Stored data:

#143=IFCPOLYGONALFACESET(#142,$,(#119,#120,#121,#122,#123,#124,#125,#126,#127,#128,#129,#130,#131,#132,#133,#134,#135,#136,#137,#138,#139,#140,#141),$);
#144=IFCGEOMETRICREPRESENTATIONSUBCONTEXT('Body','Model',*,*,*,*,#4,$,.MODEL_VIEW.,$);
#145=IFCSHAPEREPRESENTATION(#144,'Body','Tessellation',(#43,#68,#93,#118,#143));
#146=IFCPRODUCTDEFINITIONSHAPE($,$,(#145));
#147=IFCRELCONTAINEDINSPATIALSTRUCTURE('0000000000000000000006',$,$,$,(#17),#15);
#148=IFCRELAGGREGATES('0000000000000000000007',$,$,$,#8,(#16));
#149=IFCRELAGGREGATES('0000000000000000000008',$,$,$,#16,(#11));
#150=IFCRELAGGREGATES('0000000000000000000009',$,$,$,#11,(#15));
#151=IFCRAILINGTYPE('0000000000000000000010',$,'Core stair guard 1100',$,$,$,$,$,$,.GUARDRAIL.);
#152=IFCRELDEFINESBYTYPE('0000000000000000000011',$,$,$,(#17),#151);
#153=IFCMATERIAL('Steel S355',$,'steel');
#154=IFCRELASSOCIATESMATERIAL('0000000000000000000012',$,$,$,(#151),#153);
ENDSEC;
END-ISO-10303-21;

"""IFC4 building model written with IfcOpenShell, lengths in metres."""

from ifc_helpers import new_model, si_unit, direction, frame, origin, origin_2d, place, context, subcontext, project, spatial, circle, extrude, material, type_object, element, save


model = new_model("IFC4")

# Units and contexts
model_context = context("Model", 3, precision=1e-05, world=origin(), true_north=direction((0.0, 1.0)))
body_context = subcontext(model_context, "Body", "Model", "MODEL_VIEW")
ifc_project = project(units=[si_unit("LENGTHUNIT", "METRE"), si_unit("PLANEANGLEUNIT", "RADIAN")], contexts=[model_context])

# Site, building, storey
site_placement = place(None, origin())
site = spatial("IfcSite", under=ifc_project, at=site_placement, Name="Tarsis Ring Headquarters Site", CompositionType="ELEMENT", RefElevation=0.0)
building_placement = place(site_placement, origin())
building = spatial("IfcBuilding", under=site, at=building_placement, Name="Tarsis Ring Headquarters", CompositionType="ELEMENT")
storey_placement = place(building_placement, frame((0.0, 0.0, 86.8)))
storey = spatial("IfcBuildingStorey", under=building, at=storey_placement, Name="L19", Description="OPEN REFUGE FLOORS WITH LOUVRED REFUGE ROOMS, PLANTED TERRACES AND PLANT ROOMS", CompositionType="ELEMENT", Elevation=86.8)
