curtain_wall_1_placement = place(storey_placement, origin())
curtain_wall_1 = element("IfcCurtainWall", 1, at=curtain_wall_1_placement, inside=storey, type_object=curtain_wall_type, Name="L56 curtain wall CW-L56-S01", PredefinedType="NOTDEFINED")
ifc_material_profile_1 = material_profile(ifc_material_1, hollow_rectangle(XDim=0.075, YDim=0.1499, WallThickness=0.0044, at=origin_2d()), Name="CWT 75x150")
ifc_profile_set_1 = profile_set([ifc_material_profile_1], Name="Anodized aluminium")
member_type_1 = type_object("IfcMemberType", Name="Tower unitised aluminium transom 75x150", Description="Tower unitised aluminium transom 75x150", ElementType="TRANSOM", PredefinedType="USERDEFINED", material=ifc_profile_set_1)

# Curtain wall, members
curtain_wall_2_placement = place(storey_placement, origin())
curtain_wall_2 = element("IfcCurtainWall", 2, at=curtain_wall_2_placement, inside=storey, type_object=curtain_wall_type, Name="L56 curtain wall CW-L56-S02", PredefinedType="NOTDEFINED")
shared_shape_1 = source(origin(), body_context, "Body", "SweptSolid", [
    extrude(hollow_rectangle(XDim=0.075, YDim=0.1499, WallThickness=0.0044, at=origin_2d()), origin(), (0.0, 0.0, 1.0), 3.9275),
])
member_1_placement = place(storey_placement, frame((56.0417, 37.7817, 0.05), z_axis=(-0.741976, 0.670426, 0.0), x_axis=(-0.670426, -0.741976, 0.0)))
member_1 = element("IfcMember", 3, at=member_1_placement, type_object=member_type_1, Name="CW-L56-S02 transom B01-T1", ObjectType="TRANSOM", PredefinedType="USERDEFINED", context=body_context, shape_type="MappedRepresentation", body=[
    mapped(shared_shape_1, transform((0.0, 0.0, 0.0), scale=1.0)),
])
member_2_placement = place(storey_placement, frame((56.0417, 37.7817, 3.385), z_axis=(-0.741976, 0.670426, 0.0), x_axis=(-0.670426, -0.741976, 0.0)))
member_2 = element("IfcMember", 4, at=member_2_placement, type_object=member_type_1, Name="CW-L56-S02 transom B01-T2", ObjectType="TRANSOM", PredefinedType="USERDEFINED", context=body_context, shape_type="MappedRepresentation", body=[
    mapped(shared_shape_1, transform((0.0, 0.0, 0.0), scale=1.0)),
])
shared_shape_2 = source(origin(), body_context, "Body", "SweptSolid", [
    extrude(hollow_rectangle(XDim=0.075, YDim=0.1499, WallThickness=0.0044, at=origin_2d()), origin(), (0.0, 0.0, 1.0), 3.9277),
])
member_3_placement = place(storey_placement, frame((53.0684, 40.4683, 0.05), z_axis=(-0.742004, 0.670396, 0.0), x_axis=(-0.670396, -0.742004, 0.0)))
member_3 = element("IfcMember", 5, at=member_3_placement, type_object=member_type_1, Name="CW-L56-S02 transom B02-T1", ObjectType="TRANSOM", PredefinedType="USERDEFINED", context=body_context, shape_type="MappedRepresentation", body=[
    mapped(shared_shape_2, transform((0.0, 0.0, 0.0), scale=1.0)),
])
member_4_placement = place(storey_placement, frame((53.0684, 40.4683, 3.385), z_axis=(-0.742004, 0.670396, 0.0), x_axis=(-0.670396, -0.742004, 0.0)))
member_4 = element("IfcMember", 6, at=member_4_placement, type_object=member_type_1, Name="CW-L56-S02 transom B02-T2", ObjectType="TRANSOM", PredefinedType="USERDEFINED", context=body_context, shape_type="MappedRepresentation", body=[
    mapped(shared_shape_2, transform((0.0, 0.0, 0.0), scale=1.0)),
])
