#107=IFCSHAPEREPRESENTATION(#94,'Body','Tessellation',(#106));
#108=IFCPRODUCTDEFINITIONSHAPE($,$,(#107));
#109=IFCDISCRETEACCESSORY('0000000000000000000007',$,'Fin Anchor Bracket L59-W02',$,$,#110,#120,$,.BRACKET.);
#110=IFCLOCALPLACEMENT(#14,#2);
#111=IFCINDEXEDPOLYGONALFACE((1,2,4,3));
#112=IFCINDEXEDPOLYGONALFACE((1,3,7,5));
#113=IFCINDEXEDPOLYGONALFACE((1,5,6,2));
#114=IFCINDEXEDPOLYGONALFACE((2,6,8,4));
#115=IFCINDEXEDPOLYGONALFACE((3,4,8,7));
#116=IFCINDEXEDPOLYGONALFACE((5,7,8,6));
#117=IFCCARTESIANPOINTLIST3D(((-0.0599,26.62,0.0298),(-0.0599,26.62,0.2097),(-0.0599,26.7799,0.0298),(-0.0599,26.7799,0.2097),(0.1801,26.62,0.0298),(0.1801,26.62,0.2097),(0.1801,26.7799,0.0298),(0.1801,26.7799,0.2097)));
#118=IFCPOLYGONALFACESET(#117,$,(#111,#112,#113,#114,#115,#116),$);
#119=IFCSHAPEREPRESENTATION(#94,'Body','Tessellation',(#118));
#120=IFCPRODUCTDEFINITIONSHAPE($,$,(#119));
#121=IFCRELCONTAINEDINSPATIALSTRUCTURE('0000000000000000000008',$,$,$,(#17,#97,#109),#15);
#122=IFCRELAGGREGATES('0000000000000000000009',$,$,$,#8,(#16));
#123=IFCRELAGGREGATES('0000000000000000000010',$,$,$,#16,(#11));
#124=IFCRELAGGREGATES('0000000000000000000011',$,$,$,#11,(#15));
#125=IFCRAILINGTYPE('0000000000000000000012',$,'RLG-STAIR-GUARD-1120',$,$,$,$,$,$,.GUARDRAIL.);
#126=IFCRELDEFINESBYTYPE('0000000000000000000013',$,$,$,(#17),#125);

- _TASK BRIEF_
Copy all lines of the records that have the string "source" in them.

- _RESPONSE TO THE EXERCISE_
shared_shape_1 = source(origin(), body_context, "Body", "SweptSolid", [
shared_shape_2 = source(origin(), body_context, "Body", "SweptSolid", [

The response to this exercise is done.